> **TASK REQUIREMENTS**:
Print, exactly as written, every line from the first line of the records below through the line containing "#201=IFCRELAGGREGATES('0000000000000000000022',$,$,$,#16,(#11));", and nothing further.

***** INPUT FOR THIS TASK

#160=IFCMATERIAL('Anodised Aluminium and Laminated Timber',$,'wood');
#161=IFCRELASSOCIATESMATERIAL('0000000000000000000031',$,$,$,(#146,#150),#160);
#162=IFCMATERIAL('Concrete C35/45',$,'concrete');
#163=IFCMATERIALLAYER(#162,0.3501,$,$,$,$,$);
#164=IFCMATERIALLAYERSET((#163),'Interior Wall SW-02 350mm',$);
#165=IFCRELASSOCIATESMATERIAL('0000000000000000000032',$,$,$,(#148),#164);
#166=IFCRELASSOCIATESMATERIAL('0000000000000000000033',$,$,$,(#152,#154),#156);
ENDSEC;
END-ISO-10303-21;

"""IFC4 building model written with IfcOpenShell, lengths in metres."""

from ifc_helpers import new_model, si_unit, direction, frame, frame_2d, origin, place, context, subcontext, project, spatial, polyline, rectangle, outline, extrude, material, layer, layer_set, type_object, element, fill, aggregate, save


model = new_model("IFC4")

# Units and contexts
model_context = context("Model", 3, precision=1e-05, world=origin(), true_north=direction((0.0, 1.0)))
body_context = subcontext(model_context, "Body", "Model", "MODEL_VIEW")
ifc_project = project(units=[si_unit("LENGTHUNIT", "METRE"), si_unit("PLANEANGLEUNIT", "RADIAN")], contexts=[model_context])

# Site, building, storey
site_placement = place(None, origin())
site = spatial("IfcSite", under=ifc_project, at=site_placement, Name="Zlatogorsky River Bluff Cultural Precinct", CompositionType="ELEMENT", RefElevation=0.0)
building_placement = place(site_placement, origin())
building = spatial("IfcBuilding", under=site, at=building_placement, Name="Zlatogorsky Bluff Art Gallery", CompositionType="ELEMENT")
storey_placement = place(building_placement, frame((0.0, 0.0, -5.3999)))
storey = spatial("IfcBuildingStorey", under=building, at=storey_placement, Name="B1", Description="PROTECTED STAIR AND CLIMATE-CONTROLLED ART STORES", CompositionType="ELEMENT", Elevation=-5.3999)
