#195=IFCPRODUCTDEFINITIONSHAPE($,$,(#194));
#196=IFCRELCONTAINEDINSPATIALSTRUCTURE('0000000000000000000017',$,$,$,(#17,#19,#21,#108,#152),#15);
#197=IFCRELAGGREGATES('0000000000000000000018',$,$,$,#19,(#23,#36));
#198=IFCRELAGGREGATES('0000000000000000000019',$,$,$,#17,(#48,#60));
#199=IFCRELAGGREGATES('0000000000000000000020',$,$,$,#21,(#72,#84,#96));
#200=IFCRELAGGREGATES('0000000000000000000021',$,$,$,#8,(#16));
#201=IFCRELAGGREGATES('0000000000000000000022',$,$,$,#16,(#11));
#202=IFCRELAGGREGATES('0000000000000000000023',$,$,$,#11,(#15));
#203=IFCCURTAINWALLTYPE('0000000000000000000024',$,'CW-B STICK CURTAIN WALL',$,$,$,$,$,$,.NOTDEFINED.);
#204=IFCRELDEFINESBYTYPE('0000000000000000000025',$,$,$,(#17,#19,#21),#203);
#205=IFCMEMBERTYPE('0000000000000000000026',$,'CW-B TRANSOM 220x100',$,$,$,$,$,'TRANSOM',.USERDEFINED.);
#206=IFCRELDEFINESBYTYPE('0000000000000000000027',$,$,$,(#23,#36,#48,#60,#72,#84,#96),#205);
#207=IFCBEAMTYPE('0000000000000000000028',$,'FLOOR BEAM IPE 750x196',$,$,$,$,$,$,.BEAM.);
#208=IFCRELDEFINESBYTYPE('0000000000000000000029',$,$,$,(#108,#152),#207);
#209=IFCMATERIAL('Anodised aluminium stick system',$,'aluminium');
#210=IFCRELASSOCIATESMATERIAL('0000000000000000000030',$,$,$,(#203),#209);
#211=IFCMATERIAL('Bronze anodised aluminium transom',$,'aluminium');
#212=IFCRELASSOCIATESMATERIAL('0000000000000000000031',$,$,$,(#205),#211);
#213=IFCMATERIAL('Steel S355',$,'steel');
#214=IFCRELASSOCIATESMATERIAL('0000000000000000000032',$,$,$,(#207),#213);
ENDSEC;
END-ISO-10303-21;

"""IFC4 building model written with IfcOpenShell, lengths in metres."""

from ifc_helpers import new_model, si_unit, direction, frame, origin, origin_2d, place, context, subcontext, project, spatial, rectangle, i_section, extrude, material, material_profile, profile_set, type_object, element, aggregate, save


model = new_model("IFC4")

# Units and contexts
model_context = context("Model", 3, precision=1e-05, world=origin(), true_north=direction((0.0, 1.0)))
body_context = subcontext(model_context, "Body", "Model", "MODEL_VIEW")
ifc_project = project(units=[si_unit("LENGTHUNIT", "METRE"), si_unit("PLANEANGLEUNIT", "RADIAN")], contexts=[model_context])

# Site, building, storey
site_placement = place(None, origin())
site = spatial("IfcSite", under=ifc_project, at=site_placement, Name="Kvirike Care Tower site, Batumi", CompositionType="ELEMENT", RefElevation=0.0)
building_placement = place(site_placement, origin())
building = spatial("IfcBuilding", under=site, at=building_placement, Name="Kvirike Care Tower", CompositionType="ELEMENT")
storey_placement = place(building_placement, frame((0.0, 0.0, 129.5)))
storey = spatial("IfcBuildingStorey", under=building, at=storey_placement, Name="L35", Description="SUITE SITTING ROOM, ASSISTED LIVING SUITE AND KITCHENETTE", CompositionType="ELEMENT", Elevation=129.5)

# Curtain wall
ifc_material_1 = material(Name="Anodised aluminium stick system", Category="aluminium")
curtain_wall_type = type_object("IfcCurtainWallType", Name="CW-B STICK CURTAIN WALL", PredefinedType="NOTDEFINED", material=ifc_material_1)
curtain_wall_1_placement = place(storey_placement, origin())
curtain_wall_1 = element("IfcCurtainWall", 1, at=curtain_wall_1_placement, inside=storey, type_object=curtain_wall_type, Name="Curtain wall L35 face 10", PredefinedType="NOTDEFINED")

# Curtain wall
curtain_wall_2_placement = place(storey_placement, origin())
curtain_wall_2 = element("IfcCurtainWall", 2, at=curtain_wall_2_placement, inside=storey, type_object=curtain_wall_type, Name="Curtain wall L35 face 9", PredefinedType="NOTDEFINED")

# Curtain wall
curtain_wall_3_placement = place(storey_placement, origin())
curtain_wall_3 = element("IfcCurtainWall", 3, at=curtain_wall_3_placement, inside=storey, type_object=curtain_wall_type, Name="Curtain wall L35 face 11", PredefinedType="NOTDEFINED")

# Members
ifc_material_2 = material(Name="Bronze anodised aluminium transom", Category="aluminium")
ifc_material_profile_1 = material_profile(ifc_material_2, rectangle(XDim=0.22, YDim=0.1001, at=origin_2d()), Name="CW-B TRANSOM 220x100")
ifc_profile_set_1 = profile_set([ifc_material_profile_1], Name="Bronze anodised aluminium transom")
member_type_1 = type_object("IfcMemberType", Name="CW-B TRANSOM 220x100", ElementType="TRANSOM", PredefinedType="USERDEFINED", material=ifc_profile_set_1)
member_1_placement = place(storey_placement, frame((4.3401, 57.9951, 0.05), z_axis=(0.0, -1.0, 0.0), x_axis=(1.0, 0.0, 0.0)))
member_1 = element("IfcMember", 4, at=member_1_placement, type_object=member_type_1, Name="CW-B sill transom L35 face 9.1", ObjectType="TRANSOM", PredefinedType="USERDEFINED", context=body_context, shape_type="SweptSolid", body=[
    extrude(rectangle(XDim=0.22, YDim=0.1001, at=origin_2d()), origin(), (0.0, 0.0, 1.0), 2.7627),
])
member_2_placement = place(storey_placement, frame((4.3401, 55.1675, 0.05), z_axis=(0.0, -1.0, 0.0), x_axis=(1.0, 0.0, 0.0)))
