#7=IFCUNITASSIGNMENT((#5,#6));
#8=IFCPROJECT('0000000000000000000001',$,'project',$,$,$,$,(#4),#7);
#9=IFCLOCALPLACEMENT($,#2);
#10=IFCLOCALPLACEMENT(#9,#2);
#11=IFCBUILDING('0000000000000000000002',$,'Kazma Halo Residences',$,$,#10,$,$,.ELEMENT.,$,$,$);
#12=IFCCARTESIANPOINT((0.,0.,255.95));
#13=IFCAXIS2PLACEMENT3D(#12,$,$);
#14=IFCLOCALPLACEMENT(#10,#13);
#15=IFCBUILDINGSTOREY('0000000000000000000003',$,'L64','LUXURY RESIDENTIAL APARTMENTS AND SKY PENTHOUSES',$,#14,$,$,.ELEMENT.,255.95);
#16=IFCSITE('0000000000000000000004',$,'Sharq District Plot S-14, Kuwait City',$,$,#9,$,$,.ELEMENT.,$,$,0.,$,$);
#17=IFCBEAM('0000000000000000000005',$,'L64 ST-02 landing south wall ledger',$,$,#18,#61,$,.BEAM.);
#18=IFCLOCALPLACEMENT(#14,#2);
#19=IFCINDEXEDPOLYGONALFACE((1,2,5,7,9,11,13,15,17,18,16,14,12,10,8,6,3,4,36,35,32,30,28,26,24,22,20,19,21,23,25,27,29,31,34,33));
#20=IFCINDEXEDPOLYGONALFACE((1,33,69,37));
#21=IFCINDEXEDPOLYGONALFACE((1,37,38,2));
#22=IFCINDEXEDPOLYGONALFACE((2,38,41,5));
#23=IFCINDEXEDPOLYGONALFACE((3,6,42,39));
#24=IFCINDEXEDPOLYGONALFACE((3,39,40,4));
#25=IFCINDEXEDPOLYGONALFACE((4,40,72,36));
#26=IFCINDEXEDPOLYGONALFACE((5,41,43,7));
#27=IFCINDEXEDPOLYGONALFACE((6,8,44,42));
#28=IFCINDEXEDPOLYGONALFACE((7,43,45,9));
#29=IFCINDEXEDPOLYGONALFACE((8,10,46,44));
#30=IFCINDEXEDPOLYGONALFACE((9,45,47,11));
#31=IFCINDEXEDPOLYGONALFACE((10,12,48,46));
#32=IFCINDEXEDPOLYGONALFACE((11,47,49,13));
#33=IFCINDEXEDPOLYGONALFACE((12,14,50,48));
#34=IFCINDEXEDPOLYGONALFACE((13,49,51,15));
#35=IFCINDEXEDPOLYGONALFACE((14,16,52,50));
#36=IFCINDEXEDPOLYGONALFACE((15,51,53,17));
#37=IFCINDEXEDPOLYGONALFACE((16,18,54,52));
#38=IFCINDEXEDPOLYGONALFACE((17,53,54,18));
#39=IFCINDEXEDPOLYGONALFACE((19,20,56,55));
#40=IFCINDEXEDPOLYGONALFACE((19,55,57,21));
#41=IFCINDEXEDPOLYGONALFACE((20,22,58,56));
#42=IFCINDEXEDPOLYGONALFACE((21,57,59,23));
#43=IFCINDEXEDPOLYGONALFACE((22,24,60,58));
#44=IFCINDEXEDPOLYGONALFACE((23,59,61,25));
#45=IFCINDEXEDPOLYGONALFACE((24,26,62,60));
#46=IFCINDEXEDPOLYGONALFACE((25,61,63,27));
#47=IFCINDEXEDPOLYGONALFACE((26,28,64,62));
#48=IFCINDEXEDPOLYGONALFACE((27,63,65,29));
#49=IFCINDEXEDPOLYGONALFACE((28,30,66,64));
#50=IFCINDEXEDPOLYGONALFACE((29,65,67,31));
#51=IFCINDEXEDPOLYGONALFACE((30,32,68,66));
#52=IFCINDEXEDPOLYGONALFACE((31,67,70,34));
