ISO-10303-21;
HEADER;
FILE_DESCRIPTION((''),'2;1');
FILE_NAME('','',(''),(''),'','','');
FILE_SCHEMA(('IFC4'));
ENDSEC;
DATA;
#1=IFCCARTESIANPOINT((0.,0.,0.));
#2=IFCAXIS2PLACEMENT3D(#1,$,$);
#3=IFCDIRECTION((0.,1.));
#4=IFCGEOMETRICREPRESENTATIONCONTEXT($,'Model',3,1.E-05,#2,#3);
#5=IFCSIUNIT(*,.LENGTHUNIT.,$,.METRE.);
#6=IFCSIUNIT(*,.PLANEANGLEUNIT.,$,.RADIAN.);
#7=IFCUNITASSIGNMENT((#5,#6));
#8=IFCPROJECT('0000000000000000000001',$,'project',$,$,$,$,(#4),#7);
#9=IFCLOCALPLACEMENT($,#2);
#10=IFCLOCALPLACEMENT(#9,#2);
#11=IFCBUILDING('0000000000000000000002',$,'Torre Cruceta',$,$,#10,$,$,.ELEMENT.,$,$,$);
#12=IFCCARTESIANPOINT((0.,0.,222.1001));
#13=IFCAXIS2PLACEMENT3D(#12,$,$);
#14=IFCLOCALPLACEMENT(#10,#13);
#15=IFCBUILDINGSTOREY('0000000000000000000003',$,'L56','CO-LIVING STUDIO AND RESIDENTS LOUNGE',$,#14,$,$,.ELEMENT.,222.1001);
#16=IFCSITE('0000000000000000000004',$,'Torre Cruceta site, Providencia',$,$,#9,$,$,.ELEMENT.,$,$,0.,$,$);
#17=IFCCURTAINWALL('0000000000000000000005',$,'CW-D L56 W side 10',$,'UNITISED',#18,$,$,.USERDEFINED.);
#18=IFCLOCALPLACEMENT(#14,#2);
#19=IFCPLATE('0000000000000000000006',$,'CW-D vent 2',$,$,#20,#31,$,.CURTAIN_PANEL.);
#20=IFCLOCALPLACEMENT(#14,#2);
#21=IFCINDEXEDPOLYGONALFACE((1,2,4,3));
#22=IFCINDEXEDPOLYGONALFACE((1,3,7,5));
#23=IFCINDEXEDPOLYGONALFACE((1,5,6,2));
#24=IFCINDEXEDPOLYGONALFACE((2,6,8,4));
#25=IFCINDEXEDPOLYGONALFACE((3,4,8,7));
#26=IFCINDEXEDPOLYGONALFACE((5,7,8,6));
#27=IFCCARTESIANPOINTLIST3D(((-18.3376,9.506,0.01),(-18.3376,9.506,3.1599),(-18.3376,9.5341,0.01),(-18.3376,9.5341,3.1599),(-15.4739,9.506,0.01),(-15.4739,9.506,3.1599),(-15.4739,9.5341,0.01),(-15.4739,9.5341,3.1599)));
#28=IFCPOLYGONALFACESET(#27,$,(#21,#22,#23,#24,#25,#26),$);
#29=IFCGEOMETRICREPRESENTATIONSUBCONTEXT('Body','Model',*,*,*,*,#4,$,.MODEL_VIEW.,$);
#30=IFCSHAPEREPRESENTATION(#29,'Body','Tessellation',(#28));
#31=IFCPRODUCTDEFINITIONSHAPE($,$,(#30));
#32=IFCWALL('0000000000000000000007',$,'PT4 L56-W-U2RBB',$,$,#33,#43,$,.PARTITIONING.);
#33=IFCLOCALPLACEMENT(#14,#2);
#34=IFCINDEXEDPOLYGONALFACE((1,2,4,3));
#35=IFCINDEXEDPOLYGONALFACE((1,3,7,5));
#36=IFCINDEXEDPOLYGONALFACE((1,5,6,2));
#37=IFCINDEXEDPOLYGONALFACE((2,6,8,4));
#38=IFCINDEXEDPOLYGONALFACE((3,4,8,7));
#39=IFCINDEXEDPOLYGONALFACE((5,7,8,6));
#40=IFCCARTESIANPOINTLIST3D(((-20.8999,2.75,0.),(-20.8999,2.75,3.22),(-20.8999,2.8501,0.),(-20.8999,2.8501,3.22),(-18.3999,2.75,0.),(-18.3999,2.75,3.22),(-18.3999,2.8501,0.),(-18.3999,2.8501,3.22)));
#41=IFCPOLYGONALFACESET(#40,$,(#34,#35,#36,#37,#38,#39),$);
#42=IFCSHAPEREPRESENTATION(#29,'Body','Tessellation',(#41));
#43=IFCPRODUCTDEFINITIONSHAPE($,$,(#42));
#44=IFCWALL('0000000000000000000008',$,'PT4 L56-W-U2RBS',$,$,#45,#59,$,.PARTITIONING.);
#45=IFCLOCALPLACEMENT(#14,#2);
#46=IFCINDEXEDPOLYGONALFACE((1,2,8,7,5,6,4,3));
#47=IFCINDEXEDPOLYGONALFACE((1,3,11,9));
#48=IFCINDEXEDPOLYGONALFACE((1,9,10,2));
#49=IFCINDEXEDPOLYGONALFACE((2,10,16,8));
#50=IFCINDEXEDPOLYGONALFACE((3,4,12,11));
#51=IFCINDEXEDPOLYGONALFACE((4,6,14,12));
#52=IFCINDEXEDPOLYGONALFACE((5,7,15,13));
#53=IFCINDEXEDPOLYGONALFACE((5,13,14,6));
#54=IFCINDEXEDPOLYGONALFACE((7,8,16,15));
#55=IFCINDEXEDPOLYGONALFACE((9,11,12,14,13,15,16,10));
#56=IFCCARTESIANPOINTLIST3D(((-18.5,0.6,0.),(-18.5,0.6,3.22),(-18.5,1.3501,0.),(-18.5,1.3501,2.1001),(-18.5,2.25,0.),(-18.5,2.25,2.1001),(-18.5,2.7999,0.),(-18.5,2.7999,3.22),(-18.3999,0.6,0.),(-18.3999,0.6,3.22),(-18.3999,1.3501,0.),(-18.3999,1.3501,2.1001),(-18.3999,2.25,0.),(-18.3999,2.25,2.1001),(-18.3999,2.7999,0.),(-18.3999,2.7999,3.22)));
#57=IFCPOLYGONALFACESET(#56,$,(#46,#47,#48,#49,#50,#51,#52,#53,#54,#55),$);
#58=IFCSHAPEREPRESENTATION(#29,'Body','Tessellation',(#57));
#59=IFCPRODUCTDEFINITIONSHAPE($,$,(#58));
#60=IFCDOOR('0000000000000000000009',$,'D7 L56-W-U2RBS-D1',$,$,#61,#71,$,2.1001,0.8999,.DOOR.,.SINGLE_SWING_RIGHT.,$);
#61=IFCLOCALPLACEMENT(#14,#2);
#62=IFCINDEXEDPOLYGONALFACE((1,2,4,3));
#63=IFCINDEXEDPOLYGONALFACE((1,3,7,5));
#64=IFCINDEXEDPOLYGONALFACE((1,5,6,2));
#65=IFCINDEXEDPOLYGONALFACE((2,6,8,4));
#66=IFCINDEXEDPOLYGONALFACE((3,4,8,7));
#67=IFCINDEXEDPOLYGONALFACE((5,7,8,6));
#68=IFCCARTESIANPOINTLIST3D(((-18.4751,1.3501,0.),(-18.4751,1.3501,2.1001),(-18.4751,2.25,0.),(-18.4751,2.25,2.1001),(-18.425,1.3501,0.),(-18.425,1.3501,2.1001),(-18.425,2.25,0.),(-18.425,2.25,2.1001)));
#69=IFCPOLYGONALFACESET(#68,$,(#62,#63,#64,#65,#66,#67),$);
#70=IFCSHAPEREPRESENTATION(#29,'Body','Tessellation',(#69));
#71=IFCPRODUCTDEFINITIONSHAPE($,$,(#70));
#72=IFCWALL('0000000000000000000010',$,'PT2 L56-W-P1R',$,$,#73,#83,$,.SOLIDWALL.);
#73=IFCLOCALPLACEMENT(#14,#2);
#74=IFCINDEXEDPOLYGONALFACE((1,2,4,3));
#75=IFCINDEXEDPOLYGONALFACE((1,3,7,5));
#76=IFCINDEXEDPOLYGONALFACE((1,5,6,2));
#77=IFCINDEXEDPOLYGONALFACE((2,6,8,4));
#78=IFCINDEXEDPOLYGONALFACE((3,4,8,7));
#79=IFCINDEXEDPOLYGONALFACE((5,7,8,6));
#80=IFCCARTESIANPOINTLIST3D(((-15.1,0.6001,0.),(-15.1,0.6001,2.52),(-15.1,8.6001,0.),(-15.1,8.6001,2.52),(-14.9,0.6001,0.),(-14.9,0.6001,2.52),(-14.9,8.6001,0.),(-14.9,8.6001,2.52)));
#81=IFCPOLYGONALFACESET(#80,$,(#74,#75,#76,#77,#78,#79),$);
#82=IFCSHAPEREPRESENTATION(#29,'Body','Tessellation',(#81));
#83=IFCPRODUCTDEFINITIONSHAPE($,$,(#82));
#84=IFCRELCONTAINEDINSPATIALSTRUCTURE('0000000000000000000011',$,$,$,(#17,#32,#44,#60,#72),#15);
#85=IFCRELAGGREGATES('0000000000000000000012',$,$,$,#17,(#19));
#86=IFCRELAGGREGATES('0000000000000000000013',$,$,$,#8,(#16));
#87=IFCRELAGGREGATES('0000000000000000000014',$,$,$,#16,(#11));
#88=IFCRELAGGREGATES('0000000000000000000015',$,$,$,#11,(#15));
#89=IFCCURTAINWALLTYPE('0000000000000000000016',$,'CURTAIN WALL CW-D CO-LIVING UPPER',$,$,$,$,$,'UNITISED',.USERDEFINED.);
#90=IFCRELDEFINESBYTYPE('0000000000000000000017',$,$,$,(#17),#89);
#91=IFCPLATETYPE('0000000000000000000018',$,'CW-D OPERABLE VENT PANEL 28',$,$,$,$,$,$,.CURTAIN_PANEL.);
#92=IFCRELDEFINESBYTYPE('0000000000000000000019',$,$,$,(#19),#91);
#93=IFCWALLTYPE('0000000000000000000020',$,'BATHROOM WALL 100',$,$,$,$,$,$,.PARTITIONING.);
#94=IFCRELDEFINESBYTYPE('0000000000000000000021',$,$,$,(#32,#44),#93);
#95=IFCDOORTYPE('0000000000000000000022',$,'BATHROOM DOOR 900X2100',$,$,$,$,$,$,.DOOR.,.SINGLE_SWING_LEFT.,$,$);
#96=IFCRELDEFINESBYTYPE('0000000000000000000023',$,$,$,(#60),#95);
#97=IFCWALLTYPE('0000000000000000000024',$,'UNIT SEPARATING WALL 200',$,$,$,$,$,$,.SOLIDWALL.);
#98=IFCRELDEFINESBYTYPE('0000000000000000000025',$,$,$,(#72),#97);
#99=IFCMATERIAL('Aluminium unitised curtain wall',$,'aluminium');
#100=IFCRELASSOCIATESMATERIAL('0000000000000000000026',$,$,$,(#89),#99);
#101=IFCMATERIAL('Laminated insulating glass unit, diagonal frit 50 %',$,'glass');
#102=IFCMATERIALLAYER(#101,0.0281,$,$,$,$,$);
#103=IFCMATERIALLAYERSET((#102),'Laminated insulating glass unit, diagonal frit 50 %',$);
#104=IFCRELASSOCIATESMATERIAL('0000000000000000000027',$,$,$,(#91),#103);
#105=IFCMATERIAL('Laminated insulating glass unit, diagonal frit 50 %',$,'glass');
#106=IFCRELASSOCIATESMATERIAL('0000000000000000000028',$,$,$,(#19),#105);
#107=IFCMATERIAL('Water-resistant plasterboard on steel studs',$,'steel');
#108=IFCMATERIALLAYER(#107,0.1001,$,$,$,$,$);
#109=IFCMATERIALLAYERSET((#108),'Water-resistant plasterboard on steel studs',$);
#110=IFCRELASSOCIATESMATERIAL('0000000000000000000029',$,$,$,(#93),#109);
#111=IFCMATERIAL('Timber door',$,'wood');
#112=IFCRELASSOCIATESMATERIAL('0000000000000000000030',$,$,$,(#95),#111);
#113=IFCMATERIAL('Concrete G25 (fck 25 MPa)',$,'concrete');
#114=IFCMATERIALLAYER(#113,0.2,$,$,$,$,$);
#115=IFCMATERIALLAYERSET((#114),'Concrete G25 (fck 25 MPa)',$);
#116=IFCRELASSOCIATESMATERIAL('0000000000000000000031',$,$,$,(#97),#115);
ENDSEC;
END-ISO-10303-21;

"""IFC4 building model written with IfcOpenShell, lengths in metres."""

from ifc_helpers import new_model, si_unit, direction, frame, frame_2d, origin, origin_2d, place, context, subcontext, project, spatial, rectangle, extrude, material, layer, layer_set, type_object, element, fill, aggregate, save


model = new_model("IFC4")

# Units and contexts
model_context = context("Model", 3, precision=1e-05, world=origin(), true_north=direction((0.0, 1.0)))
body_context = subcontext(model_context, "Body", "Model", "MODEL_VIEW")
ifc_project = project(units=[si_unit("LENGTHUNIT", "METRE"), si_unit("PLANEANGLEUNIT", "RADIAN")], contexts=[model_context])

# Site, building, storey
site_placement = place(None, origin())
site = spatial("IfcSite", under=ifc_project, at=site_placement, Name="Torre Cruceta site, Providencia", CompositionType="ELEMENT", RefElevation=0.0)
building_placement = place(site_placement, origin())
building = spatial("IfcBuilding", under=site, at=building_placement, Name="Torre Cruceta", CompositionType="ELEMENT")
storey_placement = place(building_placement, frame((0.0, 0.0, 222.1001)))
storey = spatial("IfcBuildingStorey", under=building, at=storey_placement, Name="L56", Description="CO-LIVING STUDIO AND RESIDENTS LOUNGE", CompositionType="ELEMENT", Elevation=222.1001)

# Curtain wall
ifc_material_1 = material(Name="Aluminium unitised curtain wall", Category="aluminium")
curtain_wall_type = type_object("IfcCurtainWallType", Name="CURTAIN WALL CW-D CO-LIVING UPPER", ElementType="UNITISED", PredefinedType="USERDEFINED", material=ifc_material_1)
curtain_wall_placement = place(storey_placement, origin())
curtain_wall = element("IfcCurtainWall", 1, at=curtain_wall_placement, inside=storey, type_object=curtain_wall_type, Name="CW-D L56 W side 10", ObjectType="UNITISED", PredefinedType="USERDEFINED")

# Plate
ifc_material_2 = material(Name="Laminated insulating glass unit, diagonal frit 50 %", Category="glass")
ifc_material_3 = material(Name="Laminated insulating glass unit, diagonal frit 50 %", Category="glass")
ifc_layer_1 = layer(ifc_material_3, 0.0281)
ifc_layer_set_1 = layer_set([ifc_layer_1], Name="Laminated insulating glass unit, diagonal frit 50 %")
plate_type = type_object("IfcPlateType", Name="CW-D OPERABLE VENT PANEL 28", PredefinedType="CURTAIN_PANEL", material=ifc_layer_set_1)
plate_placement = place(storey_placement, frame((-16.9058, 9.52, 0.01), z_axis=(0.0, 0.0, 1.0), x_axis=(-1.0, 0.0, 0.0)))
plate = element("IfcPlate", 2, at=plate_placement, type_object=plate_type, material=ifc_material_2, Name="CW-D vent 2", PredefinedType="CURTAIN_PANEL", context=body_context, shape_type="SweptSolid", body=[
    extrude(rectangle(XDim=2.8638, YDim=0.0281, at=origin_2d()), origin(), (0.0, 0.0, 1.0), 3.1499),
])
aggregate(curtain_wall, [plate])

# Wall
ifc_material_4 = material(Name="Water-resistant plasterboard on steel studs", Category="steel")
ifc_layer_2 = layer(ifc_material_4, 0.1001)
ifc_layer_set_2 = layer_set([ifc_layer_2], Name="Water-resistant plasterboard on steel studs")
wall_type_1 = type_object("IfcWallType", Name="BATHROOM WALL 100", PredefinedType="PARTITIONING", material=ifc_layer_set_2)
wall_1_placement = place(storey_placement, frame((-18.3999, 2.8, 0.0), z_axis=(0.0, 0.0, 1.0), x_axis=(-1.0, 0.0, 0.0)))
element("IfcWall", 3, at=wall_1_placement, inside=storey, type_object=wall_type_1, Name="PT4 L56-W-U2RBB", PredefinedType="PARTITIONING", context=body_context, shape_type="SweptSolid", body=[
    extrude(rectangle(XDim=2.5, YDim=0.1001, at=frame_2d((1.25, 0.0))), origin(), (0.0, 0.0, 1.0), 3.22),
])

**********

> **SOLUTION TO THIS TASK**:
#160=IFCMATERIAL('Anodised Aluminium and Laminated Timber',$,'wood');
#161=IFCRELASSOCIATESMATERIAL('0000000000000000000031',$,$,$,(#146,#150),#160);
#162=IFCMATERIAL('Concrete C35/45',$,'concrete');
#163=IFCMATERIALLAYER(#162,0.3501,$,$,$,$,$);
#164=IFCMATERIALLAYERSET((#163),'Interior Wall SW-02 350mm',$);
#165=IFCRELASSOCIATESMATERIAL('0000000000000000000032',$,$,$,(#148),#164);
#166=IFCRELASSOCIATESMATERIAL('0000000000000000000033',$,$,$,(#152,#154),#156);
ENDSEC;
END-ISO-10303-21;

"""IFC4 building model written with IfcOpenShell, lengths in metres."""

from ifc_helpers import new_model, si_unit, direction, frame, frame_2d, origin, place, context, subcontext, project, spatial, polyline, rectangle, outline, extrude, material, layer, layer_set, type_object, element, fill, aggregate, save


model = new_model("IFC4")

# Units and contexts
model_context = context("Model", 3, precision=1e-05, world=origin(), true_north=direction((0.0, 1.0)))
body_context = subcontext(model_context, "Body", "Model", "MODEL_VIEW")
ifc_project = project(units=[si_unit("LENGTHUNIT", "METRE"), si_unit("PLANEANGLEUNIT", "RADIAN")], contexts=[model_context])

# Site, building, storey
site_placement = place(None, origin())
site = spatial("IfcSite", under=ifc_project, at=site_placement, Name="Zlatogorsky River Bluff Cultural Precinct", CompositionType="ELEMENT", RefElevation=0.0)
building_placement = place(site_placement, origin())
building = spatial("IfcBuilding", under=site, at=building_placement, Name="Zlatogorsky Bluff Art Gallery", CompositionType="ELEMENT")
storey_placement = place(building_placement, frame((0.0, 0.0, -5.3999)))
storey = spatial("IfcBuildingStorey", under=building, at=storey_placement, Name="B1", Description="PROTECTED STAIR AND CLIMATE-CONTROLLED ART STORES", CompositionType="ELEMENT", Elevation=-5.3999)
#195=IFCPRODUCTDEFINITIONSHAPE($,$,(#194));
#196=IFCRELCONTAINEDINSPATIALSTRUCTURE('0000000000000000000017',$,$,$,(#17,#19,#21,#108,#152),#15);
#197=IFCRELAGGREGATES('0000000000000000000018',$,$,$,#19,(#23,#36));
#198=IFCRELAGGREGATES('0000000000000000000019',$,$,$,#17,(#48,#60));
#199=IFCRELAGGREGATES('0000000000000000000020',$,$,$,#21,(#72,#84,#96));
#200=IFCRELAGGREGATES('0000000000000000000021',$,$,$,#8,(#16));
#201=IFCRELAGGREGATES('0000000000000000000022',$,$,$,#16,(#11));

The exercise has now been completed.